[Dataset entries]
========================

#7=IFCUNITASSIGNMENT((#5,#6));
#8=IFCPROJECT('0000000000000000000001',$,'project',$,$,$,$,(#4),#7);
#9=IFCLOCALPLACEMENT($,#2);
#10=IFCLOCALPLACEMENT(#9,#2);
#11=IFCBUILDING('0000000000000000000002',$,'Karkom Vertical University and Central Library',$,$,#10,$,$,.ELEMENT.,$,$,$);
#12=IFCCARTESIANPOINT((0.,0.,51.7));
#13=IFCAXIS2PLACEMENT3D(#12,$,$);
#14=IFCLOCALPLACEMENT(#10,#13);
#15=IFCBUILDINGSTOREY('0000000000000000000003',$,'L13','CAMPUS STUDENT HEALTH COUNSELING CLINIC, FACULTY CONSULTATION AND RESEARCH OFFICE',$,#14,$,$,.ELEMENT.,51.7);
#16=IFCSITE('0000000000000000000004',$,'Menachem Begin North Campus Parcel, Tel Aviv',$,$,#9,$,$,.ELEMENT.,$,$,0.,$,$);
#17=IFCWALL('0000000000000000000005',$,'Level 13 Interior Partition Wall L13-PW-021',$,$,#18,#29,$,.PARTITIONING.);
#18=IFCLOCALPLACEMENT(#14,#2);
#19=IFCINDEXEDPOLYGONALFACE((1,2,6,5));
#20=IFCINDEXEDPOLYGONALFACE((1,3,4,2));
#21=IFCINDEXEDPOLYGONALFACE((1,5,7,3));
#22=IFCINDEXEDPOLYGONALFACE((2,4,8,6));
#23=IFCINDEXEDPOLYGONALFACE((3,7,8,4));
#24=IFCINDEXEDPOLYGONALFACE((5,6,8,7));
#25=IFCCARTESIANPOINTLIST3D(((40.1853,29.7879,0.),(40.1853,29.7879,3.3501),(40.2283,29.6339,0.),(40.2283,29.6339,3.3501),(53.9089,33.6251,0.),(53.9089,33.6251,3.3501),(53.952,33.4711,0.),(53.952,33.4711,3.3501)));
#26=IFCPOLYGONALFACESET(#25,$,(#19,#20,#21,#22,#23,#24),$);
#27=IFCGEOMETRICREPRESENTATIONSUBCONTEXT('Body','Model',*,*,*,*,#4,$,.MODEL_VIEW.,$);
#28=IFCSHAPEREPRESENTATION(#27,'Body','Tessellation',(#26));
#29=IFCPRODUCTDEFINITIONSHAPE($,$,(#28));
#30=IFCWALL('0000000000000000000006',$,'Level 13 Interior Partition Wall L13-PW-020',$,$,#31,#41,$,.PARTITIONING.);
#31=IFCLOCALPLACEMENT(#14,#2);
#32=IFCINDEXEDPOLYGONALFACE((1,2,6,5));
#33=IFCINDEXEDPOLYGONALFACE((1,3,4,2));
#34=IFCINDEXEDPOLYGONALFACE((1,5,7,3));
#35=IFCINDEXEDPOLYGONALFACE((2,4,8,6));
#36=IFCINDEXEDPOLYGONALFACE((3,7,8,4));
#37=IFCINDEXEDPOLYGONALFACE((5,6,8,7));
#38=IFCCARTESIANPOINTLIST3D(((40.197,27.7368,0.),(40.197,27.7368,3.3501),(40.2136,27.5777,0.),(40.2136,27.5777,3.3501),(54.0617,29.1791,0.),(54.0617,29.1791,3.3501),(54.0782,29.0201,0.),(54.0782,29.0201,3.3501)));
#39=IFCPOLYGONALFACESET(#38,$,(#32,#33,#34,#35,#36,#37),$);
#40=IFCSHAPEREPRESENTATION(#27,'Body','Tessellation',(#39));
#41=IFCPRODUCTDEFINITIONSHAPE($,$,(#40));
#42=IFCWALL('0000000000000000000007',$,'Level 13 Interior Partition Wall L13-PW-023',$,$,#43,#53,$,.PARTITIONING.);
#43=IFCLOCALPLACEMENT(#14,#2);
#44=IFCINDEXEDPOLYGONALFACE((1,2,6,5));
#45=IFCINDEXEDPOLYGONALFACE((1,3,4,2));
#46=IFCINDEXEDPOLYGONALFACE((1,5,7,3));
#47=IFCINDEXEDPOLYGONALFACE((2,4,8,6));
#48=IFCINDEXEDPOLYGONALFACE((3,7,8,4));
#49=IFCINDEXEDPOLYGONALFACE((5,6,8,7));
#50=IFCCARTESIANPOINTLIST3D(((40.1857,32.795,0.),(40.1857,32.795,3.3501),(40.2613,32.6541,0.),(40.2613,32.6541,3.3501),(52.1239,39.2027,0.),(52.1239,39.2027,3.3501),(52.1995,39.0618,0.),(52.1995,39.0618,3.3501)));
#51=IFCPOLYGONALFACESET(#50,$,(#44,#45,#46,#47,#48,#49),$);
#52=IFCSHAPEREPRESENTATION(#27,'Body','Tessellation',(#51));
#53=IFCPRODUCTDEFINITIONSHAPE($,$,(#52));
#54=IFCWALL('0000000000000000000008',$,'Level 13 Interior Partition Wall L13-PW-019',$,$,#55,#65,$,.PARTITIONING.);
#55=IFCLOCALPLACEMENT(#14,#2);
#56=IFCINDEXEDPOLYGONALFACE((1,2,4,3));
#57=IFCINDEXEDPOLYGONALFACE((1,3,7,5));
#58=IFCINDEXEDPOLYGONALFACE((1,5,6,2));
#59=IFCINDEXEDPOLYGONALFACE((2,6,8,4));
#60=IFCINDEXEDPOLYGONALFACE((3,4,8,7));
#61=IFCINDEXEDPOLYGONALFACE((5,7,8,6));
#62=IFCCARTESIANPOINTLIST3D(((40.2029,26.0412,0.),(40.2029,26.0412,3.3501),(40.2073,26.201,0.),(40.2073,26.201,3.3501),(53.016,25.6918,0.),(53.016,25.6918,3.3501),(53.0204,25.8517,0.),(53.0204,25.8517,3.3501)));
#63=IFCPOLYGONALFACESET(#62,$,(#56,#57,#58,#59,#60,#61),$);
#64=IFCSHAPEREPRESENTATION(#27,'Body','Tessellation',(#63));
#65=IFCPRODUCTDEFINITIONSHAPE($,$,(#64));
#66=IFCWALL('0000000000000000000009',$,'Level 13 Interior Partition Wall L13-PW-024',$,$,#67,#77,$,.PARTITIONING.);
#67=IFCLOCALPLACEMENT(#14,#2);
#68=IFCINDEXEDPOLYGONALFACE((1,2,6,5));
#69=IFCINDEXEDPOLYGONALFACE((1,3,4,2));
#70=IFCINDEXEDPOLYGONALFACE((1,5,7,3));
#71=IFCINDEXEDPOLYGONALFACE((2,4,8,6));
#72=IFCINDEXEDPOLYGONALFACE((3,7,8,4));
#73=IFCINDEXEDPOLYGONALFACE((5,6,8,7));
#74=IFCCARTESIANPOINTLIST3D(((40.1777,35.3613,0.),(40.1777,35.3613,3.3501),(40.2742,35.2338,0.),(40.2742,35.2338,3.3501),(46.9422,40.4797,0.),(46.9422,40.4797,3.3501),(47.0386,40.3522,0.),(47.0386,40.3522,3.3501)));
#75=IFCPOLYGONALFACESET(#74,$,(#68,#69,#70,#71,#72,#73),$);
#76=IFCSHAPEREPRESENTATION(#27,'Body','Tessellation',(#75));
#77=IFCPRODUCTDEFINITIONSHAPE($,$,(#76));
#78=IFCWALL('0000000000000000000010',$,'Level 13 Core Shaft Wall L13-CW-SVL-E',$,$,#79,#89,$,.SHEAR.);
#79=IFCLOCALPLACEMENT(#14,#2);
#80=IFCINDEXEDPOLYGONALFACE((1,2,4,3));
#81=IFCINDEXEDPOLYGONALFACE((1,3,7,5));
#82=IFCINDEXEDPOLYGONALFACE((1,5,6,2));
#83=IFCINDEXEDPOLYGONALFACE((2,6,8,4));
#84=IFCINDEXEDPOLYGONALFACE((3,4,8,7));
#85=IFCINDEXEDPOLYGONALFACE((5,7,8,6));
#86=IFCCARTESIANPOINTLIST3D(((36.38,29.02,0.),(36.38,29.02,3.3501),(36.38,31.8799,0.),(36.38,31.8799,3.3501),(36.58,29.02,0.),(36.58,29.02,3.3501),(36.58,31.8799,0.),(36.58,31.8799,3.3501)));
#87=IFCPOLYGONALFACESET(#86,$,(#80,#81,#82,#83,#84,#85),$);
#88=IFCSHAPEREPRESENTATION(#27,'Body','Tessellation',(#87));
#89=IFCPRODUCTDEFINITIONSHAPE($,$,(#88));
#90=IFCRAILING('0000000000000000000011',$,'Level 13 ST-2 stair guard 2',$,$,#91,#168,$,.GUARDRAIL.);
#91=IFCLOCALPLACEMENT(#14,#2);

========================

● **Work instruction**: Only the number is wanted: how many lines in the preceding entries hold the string "Partition"?

● **Expected answer**: 5